**Task statement**
Copy out each line below that has the word "IfcDoorType" in it.

**Supplied material**

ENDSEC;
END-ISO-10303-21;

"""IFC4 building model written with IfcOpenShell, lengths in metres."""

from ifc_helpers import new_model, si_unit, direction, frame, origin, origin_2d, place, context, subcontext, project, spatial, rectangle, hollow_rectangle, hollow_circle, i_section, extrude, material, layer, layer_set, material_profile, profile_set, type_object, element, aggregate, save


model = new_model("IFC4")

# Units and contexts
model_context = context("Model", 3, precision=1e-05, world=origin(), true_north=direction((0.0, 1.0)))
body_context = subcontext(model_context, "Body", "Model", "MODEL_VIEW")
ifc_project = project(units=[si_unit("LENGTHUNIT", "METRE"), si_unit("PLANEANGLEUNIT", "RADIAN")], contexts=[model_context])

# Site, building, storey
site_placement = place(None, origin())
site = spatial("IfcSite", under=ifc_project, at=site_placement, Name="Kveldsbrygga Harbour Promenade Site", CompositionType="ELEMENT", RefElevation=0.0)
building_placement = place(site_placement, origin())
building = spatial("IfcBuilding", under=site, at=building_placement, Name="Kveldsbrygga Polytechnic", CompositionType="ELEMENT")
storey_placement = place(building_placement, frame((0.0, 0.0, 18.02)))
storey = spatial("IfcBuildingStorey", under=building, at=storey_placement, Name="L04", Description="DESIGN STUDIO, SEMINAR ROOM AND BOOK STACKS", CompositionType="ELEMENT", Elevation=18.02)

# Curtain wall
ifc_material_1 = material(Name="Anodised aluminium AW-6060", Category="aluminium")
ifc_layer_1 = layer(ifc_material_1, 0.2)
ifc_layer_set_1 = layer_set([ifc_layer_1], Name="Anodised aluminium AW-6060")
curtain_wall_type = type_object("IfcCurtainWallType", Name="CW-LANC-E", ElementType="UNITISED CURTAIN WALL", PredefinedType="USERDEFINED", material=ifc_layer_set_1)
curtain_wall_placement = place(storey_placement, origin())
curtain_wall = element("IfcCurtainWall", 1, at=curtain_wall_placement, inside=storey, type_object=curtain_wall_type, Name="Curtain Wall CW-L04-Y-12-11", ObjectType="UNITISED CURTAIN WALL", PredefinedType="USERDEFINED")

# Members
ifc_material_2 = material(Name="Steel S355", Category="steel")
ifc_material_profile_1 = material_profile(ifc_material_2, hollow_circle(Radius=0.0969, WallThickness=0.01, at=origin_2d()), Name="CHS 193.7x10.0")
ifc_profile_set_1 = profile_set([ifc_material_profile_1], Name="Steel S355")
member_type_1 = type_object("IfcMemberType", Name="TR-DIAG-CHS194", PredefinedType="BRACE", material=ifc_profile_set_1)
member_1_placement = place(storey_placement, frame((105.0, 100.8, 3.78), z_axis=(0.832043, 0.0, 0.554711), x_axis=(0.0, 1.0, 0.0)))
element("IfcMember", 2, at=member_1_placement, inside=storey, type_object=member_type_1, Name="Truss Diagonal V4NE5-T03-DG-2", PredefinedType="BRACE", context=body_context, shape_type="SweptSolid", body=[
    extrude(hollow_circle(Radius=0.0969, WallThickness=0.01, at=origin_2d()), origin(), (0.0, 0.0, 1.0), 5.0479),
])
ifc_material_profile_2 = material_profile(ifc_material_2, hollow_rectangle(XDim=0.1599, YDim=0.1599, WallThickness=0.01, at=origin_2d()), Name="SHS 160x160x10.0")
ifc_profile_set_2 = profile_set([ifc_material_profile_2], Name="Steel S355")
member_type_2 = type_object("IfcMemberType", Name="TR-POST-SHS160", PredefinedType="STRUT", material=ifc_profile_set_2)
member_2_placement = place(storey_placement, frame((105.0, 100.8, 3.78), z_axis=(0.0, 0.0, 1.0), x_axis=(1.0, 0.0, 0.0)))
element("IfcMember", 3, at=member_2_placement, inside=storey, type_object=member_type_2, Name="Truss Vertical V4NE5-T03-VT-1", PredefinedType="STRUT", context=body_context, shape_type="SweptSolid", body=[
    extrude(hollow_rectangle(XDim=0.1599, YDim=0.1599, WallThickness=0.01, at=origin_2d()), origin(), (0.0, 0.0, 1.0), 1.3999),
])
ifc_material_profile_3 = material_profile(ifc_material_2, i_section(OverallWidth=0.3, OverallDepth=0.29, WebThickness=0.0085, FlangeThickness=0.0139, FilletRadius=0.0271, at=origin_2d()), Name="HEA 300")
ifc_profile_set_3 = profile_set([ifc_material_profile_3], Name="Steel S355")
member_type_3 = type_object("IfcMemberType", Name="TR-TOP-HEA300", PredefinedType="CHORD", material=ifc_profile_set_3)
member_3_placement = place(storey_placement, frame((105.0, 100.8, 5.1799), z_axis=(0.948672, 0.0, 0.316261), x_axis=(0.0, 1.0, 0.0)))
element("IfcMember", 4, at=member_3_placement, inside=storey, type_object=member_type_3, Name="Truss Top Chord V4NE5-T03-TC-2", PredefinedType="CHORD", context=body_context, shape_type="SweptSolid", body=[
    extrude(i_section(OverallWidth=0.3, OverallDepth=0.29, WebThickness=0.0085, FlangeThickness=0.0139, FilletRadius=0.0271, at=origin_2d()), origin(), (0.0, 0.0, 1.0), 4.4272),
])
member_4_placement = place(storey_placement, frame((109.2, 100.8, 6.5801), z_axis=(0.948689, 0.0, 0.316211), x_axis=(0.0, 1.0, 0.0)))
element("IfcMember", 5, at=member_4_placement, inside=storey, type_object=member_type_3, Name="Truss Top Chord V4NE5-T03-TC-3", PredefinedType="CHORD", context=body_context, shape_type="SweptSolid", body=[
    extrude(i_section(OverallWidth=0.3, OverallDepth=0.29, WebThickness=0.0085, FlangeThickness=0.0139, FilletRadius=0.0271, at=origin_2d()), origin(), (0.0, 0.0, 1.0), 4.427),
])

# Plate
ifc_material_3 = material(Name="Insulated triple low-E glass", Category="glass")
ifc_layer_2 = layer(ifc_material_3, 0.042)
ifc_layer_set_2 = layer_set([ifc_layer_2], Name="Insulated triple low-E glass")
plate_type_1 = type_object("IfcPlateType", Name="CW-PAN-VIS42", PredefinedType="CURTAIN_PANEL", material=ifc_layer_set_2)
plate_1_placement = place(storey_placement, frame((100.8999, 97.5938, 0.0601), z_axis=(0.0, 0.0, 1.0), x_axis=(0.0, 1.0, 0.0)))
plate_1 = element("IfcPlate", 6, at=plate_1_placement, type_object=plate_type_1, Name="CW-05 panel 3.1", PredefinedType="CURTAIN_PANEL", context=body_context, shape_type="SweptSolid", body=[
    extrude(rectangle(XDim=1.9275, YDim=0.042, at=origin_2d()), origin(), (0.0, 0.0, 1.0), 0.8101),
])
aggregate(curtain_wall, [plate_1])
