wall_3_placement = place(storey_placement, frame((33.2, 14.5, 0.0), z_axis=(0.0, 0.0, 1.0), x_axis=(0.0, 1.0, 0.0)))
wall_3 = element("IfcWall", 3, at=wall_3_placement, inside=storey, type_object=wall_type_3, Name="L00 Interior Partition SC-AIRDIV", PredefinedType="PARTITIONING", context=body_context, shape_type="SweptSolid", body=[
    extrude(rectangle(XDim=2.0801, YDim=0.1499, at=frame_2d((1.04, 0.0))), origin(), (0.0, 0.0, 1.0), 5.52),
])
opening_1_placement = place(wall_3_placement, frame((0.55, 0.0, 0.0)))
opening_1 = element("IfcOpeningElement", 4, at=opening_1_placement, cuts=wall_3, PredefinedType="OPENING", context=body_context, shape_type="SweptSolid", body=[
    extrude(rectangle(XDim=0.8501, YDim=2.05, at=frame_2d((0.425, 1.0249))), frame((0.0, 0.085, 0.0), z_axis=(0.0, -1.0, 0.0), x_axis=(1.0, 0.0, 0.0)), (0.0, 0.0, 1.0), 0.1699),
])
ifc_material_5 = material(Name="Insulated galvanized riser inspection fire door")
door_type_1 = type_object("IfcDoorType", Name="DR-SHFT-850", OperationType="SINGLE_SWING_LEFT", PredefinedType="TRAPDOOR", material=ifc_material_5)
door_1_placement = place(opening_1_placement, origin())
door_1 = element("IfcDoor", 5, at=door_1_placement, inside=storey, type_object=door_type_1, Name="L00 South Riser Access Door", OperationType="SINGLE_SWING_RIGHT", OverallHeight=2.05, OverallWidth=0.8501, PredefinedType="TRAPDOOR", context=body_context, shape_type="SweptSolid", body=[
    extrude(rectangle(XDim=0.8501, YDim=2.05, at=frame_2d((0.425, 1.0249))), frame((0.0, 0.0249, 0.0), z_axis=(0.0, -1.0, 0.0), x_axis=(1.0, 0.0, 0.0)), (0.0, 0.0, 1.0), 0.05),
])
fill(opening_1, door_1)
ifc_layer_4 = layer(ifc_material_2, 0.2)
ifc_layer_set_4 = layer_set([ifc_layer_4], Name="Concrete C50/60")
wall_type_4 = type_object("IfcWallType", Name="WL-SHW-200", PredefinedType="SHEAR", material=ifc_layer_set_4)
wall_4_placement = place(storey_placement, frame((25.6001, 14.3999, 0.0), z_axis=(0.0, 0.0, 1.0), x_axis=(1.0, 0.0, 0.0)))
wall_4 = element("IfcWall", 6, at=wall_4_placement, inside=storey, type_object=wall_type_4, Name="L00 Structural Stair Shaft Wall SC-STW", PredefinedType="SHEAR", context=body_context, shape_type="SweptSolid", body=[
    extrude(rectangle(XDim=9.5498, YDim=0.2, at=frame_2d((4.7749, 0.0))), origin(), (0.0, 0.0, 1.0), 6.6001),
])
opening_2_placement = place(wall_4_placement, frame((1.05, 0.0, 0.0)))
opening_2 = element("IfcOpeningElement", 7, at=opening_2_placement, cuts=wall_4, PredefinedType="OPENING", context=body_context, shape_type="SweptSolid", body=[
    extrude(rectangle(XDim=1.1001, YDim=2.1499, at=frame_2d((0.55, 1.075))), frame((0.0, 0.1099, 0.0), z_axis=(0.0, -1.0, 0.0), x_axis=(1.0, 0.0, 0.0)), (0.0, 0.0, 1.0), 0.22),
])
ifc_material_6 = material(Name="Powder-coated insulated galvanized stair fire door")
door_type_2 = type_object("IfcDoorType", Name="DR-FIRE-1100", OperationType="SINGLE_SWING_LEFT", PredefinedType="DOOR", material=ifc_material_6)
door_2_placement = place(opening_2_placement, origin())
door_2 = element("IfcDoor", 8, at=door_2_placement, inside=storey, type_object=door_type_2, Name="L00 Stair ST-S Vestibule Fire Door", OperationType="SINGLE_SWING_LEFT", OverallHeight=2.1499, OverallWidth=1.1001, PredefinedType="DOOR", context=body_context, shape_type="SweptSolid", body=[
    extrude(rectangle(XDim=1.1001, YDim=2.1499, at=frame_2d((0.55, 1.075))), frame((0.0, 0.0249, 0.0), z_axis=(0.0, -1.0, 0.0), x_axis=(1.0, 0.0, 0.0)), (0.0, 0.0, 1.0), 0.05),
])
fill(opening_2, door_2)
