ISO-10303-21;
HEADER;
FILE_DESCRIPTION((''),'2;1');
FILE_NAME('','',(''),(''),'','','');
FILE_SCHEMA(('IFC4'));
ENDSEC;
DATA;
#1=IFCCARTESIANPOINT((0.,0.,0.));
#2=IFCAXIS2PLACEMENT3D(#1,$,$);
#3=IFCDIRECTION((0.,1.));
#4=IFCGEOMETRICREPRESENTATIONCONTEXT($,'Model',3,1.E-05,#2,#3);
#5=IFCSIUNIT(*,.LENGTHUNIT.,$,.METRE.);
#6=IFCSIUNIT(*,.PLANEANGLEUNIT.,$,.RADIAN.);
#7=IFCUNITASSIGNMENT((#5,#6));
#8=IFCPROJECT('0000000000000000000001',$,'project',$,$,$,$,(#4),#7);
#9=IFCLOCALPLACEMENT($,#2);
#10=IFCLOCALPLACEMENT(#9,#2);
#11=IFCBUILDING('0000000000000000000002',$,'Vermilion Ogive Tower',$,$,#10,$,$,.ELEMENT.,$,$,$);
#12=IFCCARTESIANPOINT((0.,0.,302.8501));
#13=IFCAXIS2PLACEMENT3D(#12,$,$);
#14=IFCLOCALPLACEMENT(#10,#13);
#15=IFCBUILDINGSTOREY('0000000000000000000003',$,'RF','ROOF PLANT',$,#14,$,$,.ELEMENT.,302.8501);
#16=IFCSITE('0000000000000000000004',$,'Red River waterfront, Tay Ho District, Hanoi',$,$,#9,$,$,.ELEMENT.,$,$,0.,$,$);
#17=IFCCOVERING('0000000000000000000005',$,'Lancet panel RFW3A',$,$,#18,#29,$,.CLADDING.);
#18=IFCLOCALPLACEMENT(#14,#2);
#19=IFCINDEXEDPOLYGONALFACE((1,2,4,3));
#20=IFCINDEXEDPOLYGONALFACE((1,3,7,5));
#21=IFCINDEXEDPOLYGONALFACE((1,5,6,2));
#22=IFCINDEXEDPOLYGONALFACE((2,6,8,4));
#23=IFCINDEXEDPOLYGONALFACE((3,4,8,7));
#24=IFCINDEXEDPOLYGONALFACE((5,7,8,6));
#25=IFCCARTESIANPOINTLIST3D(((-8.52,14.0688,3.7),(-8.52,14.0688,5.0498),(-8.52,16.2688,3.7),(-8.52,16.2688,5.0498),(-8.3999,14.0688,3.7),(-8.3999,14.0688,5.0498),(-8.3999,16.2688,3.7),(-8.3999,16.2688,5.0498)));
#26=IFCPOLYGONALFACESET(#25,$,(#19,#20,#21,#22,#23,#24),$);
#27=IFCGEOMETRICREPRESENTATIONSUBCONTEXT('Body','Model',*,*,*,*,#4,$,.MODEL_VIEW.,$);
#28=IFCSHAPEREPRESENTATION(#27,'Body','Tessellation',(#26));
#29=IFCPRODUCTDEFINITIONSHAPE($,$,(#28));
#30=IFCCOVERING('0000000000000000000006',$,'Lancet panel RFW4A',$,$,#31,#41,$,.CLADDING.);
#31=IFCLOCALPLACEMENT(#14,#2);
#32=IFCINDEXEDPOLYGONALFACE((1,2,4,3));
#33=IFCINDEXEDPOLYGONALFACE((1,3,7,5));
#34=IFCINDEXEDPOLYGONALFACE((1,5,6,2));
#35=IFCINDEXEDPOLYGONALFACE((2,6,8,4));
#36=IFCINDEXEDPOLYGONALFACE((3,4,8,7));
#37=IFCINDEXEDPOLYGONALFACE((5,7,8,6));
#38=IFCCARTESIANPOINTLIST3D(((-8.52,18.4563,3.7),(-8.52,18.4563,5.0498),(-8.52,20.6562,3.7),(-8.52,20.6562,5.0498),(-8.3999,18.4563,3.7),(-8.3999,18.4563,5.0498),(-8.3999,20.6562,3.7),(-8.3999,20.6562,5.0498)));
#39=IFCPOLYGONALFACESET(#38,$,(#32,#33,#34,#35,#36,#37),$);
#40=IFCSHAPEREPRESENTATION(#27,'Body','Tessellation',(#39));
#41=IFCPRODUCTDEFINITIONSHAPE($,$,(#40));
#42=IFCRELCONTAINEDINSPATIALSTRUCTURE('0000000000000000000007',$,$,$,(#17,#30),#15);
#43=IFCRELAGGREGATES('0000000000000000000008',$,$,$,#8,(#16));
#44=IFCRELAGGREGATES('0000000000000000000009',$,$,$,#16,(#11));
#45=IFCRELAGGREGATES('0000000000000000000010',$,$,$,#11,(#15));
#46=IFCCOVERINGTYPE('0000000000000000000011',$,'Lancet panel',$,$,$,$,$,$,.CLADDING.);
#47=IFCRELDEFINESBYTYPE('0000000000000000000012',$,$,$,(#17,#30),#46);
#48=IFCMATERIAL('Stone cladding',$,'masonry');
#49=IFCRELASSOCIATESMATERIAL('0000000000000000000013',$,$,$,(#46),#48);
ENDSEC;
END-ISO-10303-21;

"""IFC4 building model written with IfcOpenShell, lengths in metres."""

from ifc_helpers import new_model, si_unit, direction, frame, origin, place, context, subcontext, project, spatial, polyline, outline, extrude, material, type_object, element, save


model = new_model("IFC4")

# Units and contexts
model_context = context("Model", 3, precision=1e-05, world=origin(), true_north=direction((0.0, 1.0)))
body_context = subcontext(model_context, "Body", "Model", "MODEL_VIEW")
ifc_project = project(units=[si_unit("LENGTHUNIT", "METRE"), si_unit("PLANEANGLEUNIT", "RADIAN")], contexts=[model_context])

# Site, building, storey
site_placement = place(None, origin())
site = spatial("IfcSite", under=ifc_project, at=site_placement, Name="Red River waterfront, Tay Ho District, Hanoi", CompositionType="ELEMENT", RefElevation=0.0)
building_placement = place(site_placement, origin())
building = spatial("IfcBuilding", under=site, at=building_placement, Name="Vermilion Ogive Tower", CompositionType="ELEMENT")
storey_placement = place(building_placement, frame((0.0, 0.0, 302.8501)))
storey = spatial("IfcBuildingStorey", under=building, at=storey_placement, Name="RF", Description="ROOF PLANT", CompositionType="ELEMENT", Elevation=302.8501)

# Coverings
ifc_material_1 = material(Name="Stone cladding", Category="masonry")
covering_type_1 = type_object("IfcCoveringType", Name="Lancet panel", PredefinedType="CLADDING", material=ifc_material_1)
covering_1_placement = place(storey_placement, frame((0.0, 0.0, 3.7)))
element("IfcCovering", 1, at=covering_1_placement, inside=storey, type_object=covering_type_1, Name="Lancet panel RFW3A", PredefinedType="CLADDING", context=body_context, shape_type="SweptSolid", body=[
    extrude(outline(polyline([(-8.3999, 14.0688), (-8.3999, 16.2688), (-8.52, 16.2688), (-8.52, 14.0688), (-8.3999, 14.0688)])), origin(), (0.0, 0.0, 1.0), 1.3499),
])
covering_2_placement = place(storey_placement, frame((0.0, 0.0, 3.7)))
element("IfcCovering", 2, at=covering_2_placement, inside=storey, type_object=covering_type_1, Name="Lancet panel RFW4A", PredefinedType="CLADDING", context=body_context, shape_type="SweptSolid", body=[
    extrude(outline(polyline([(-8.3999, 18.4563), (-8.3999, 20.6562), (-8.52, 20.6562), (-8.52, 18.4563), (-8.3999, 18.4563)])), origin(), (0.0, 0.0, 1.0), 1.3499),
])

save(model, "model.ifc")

**Output of the task**
door_type_1 = type_object("IfcDoorType", Name="DR-SHFT-850", OperationType="SINGLE_SWING_LEFT", PredefinedType="TRAPDOOR", material=ifc_material_5)
door_type_2 = type_object("IfcDoorType", Name="DR-FIRE-1100", OperationType="SINGLE_SWING_LEFT", PredefinedType="DOOR", material=ifc_material_6)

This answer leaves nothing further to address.